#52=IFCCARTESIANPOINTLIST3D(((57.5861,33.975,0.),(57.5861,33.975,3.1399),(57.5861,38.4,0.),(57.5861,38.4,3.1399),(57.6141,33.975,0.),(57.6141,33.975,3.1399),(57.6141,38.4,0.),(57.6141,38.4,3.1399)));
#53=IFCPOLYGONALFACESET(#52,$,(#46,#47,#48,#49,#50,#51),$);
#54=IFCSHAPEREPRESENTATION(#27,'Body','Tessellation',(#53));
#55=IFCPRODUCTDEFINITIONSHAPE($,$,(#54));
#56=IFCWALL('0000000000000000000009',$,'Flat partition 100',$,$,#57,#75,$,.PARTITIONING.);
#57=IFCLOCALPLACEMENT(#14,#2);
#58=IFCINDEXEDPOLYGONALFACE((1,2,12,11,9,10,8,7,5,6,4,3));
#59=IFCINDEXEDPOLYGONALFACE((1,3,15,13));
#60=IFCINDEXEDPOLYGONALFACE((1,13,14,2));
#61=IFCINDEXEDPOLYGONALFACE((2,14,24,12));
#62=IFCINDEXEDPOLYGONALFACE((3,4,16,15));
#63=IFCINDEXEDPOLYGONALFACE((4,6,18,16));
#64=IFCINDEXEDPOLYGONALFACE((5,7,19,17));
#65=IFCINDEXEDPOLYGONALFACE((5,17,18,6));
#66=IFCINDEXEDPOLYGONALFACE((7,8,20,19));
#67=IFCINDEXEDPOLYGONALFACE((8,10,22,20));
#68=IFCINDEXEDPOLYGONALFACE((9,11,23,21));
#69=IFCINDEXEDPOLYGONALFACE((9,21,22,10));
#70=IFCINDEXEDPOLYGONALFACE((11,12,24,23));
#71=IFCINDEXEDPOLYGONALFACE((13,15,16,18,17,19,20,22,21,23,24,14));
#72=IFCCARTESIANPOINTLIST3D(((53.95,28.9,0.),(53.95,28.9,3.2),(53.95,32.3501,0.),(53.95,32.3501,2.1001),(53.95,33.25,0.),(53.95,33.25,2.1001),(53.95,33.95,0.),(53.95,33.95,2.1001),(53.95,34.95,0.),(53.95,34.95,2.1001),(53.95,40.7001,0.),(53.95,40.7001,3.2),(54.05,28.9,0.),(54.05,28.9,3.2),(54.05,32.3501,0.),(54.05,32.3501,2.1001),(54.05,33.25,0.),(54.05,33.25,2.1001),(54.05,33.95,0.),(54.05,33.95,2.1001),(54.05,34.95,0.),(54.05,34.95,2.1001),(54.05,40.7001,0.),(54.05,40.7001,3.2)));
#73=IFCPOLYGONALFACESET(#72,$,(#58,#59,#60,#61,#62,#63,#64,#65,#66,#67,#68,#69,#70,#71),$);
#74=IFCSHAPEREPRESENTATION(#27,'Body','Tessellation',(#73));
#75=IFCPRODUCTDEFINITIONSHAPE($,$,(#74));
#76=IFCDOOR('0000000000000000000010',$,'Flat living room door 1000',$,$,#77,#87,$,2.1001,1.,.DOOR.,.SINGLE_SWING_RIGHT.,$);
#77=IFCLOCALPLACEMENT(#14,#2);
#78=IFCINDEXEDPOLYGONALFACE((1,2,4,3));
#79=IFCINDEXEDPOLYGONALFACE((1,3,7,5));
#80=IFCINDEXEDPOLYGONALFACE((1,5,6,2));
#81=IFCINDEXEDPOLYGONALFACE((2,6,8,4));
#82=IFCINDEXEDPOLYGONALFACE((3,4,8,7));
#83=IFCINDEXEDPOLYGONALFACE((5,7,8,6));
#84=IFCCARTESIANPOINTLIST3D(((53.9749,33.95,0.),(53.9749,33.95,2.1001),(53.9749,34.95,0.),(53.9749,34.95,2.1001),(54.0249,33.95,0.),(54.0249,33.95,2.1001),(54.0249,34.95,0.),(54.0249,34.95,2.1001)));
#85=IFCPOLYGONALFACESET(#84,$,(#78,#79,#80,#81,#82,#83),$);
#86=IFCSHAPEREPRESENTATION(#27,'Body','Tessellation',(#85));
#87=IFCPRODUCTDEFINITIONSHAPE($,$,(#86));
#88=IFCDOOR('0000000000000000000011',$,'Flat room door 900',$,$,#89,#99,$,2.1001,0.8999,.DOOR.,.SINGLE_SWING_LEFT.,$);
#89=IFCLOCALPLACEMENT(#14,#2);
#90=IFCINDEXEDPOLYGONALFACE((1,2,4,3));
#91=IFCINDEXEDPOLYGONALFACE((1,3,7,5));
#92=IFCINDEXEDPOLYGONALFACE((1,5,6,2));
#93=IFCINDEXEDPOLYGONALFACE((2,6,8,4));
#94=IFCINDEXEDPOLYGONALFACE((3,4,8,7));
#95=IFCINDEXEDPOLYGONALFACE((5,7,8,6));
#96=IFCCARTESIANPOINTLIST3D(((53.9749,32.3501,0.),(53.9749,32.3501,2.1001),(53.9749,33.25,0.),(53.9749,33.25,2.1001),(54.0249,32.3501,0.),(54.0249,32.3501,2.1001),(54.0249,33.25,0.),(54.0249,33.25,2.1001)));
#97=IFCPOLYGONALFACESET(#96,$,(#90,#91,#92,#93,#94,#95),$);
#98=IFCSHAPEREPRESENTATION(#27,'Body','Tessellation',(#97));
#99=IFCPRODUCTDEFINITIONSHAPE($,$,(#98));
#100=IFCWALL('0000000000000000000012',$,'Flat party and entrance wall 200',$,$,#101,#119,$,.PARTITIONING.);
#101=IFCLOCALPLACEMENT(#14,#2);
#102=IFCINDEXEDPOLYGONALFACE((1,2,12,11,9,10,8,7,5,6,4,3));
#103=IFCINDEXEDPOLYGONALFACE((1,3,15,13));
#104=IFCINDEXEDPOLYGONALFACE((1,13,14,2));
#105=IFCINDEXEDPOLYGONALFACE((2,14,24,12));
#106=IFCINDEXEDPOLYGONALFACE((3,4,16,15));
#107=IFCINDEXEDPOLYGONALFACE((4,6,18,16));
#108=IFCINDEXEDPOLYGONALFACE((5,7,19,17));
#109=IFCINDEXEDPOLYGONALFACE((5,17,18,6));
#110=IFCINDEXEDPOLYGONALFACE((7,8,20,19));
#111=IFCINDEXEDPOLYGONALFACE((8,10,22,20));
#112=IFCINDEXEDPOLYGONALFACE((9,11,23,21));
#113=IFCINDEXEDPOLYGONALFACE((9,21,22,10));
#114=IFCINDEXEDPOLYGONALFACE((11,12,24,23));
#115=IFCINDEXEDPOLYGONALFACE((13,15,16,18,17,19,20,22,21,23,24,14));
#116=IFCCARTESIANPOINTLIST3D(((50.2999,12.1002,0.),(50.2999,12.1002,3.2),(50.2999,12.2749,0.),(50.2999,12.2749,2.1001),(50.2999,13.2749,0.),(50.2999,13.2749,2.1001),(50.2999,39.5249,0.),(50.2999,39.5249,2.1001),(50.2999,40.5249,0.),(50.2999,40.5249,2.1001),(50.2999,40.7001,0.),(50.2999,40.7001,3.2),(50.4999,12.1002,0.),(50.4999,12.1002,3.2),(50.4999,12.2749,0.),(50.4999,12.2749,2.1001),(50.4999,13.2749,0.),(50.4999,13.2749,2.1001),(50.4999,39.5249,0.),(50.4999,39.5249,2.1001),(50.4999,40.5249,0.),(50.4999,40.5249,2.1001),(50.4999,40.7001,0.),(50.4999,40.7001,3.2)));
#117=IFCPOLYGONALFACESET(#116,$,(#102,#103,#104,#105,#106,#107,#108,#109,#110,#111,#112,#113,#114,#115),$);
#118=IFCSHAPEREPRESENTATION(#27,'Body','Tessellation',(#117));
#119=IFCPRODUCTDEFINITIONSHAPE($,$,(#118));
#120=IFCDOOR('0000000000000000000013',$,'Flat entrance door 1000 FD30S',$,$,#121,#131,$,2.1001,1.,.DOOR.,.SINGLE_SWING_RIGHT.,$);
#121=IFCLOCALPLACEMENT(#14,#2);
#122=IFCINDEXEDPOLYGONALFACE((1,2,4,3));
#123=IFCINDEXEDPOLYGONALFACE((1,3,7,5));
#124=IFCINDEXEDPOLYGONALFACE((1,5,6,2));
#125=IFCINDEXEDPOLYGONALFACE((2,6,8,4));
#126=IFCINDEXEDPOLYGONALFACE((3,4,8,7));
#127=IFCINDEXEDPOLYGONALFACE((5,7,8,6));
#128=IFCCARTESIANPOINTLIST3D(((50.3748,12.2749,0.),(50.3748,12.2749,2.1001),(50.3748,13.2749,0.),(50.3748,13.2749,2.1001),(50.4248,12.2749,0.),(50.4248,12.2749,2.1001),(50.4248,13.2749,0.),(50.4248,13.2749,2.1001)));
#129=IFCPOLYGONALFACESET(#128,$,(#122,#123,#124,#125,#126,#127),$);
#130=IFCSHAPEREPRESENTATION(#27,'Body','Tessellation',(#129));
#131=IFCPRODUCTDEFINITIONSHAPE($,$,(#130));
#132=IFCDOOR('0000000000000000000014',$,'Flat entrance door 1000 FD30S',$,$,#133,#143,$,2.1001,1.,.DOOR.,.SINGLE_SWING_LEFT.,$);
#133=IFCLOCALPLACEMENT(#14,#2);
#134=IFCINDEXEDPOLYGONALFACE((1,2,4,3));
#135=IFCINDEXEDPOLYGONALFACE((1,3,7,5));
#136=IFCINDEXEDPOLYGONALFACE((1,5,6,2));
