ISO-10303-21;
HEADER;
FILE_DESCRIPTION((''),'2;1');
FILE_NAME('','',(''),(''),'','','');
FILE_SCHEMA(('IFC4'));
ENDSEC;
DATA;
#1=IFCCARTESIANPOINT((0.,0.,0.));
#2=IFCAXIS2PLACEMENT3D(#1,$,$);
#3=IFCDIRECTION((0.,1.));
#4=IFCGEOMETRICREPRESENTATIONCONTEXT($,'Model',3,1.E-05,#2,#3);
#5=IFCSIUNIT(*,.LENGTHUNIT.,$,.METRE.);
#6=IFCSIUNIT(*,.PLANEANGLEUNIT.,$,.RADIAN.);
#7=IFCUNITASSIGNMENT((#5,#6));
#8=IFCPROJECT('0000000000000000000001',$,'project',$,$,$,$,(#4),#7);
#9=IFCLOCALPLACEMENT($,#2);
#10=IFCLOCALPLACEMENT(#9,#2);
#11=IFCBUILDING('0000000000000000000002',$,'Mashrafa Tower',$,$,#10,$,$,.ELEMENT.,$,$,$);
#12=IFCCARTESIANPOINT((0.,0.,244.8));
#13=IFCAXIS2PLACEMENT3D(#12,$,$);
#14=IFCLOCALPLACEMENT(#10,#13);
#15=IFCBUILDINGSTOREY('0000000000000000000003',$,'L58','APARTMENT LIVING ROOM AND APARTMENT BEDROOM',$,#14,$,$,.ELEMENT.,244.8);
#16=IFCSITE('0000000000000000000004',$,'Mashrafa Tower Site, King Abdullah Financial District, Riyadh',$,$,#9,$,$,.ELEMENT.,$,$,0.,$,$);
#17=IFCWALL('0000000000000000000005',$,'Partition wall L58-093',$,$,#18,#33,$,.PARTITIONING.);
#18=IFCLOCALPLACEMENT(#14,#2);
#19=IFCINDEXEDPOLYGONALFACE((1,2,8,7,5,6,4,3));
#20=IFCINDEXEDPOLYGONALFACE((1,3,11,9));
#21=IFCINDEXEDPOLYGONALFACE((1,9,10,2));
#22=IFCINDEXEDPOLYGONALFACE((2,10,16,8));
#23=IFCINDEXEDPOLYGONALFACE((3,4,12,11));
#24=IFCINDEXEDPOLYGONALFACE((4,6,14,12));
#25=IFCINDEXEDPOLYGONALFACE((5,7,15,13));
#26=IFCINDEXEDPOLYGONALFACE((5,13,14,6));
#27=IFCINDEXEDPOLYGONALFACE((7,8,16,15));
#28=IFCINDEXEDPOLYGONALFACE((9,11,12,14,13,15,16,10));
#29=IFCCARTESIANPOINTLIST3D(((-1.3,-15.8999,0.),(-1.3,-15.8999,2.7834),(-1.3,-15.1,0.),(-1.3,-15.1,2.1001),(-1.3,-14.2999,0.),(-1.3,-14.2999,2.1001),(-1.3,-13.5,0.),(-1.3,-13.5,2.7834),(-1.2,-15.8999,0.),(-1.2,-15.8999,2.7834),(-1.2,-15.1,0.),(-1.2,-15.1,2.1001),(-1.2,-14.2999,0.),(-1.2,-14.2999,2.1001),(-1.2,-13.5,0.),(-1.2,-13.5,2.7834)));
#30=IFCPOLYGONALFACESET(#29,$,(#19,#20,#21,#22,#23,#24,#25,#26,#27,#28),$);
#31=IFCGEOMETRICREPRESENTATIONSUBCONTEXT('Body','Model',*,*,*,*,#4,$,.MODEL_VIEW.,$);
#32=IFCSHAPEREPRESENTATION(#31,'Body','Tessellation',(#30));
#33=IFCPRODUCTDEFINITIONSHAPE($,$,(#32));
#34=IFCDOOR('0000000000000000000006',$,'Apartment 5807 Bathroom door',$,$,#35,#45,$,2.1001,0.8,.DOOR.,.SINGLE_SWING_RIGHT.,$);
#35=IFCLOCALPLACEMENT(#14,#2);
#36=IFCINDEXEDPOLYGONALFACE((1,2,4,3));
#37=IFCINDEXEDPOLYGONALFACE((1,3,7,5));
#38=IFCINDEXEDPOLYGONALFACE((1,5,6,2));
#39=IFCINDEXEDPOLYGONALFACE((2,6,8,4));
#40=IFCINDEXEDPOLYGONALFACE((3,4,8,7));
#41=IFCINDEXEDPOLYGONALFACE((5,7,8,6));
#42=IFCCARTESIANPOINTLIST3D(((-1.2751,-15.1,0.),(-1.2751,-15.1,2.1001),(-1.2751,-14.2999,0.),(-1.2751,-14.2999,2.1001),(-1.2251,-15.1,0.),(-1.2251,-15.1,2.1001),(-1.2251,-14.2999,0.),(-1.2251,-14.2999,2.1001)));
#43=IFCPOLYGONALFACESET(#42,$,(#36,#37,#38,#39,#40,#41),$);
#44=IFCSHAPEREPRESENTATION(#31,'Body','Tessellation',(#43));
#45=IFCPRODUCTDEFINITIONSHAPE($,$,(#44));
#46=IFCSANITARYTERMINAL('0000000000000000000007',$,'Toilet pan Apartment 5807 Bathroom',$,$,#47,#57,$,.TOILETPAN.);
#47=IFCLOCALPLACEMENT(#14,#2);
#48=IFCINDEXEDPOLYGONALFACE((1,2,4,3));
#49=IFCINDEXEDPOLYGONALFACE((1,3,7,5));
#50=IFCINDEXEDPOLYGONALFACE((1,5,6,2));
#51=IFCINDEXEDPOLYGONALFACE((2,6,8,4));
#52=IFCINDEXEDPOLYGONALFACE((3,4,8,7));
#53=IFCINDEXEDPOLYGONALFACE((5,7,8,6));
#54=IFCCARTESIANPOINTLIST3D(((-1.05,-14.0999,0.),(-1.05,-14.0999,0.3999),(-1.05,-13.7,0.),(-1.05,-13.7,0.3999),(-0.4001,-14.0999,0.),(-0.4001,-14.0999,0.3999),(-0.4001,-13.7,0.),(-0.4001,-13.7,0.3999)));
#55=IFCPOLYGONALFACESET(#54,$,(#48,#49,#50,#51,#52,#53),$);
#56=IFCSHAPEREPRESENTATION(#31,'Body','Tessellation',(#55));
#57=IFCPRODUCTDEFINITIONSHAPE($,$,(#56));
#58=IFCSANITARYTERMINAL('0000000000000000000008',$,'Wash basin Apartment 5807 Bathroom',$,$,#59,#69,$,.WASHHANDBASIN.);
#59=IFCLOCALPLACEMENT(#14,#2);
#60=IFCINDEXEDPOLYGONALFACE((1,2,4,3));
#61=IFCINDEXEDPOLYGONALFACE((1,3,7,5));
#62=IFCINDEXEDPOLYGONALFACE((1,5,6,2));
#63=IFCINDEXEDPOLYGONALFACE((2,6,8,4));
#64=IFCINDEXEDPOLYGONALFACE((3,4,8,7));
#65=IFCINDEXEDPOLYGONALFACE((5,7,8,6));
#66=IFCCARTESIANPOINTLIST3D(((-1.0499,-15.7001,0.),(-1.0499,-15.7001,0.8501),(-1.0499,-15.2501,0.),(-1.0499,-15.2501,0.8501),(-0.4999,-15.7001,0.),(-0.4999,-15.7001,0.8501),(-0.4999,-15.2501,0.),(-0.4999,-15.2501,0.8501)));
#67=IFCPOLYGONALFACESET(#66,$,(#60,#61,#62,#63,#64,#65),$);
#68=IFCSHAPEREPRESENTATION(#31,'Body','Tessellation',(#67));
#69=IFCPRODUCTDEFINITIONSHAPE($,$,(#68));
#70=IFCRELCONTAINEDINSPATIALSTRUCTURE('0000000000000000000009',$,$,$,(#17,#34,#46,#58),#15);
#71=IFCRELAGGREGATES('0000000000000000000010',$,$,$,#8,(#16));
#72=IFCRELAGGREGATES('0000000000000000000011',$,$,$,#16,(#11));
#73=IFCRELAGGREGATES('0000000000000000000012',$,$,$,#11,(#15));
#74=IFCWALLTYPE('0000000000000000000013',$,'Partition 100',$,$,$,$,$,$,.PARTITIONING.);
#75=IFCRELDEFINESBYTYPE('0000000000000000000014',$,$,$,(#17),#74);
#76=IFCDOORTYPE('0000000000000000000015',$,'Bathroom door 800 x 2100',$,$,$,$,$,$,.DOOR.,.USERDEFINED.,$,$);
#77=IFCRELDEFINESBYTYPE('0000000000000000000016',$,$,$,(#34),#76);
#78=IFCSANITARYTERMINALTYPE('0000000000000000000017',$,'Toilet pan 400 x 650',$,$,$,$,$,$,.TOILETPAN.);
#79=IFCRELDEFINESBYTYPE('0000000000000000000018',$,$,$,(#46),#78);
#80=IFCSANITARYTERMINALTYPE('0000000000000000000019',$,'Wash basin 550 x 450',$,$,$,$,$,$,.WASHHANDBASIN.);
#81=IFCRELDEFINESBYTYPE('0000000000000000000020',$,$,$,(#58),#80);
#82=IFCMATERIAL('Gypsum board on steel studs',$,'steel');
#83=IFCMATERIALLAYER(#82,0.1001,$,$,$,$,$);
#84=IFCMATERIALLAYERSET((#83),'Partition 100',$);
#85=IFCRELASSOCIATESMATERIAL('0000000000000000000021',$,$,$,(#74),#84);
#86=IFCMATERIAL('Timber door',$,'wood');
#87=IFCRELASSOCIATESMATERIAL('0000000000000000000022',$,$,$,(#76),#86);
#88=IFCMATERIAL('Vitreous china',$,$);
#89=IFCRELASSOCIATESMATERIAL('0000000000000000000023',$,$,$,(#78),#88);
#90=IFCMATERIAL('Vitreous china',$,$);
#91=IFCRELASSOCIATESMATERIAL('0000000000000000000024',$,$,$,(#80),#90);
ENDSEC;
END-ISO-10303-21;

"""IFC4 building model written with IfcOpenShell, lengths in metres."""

from ifc_helpers import new_model, si_unit, direction, frame, frame_2d, origin, origin_2d, place, context, subcontext, project, spatial, rectangle, extrude, material, layer, layer_set, type_object, element, fill, save


model = new_model("IFC4")

# Units and contexts
model_context = context("Model", 3, precision=1e-05, world=origin(), true_north=direction((0.0, 1.0)))
body_context = subcontext(model_context, "Body", "Model", "MODEL_VIEW")
ifc_project = project(units=[si_unit("LENGTHUNIT", "METRE"), si_unit("PLANEANGLEUNIT", "RADIAN")], contexts=[model_context])

# Site, building, storey
site_placement = place(None, origin())
site = spatial("IfcSite", under=ifc_project, at=site_placement, Name="Mashrafa Tower Site, King Abdullah Financial District, Riyadh", CompositionType="ELEMENT", RefElevation=0.0)
building_placement = place(site_placement, origin())
building = spatial("IfcBuilding", under=site, at=building_placement, Name="Mashrafa Tower", CompositionType="ELEMENT")
storey_placement = place(building_placement, frame((0.0, 0.0, 244.8)))
storey = spatial("IfcBuildingStorey", under=building, at=storey_placement, Name="L58", Description="APARTMENT LIVING ROOM AND APARTMENT BEDROOM", CompositionType="ELEMENT", Elevation=244.8)

# Wall, opening, door
ifc_material_1 = material(Name="Gypsum board on steel studs", Category="steel")
ifc_layer_1 = layer(ifc_material_1, 0.1001)
ifc_layer_set_1 = layer_set([ifc_layer_1], Name="Partition 100")
wall_type_1 = type_object("IfcWallType", Name="Partition 100", PredefinedType="PARTITIONING", material=ifc_layer_set_1)
wall_1_placement = place(storey_placement, frame((-1.25, -13.5, 0.0), z_axis=(0.0, 0.0, 1.0), x_axis=(0.0, -1.0, 0.0)))
wall_1 = element("IfcWall", 1, at=wall_1_placement, inside=storey, type_object=wall_type_1, Name="Partition wall L58-093", PredefinedType="PARTITIONING", context=body_context, shape_type="SweptSolid", body=[
    extrude(rectangle(XDim=2.3999, YDim=0.1001, at=frame_2d((1.2, 0.0))), origin(), (0.0, 0.0, 1.0), 2.7834),
])
opening_1_placement = place(wall_1_placement, frame((0.8, 0.0, 0.0)))
opening_1 = element("IfcOpeningElement", 2, at=opening_1_placement, cuts=wall_1, PredefinedType="OPENING", context=body_context, shape_type="SweptSolid", body=[
    extrude(rectangle(XDim=0.8, YDim=2.1001, at=frame_2d((0.3999, 1.05))), frame((0.0, 0.0601, 0.0), z_axis=(0.0, -1.0, 0.0), x_axis=(1.0, 0.0, 0.0)), (0.0, 0.0, 1.0), 0.1201),
])
ifc_material_2 = material(Name="Timber door", Category="wood")
door_type_1 = type_object("IfcDoorType", Name="Bathroom door 800 x 2100", OperationType="USERDEFINED", PredefinedType="DOOR", material=ifc_material_2)
door_1_placement = place(opening_1_placement, origin())
door_1 = element("IfcDoor", 3, at=door_1_placement, inside=storey, type_object=door_type_1, Name="Apartment 5807 Bathroom door", OperationType="SINGLE_SWING_RIGHT", OverallHeight=2.1001, OverallWidth=0.8, PredefinedType="DOOR", context=body_context, shape_type="SweptSolid", body=[
    extrude(rectangle(XDim=0.8, YDim=2.1001, at=frame_2d((0.3999, 1.05))), frame((0.0, 0.0249, 0.0), z_axis=(0.0, -1.0, 0.0), x_axis=(1.0, 0.0, 0.0)), (0.0, 0.0, 1.0), 0.05),
])
fill(opening_1, door_1)

# Sanitary terminals
ifc_material_3 = material(Name="Vitreous china")
sanitary_terminal_type_1 = type_object("IfcSanitaryTerminalType", Name="Toilet pan 400 x 650", PredefinedType="TOILETPAN", material=ifc_material_3)
sanitary_terminal_1_placement = place(storey_placement, frame((-0.7251, -13.8999, 0.0), z_axis=(0.0, 0.0, 1.0), x_axis=(0.0, -1.0, 0.0)))
element("IfcSanitaryTerminal", 4, at=sanitary_terminal_1_placement, inside=storey, type_object=sanitary_terminal_type_1, Name="Toilet pan Apartment 5807 Bathroom", PredefinedType="TOILETPAN", context=body_context, shape_type="SweptSolid", body=[
    extrude(rectangle(XDim=0.3999, YDim=0.6499, at=origin_2d()), origin(), (0.0, 0.0, 1.0), 0.3999),
])
ifc_material_4 = material(Name="Vitreous china")
sanitary_terminal_type_2 = type_object("IfcSanitaryTerminalType", Name="Wash basin 550 x 450", PredefinedType="WASHHANDBASIN", material=ifc_material_4)
sanitary_terminal_2_placement = place(storey_placement, frame((-0.7749, -15.4751, 0.0), z_axis=(0.0, 0.0, 1.0), x_axis=(1.0, 0.0, 0.0)))
element("IfcSanitaryTerminal", 5, at=sanitary_terminal_2_placement, inside=storey, type_object=sanitary_terminal_type_2, Name="Wash basin Apartment 5807 Bathroom", PredefinedType="WASHHANDBASIN", context=body_context, shape_type="SweptSolid", body=[
    extrude(rectangle(XDim=0.55, YDim=0.45, at=origin_2d()), origin(), (0.0, 0.0, 1.0), 0.8501),
])

save(model, "model.ifc")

Activity: Reply with the number of lines in the material above that contain "IFCRELASSOCIATESMATERIAL", and nothing more.

Answer section: 4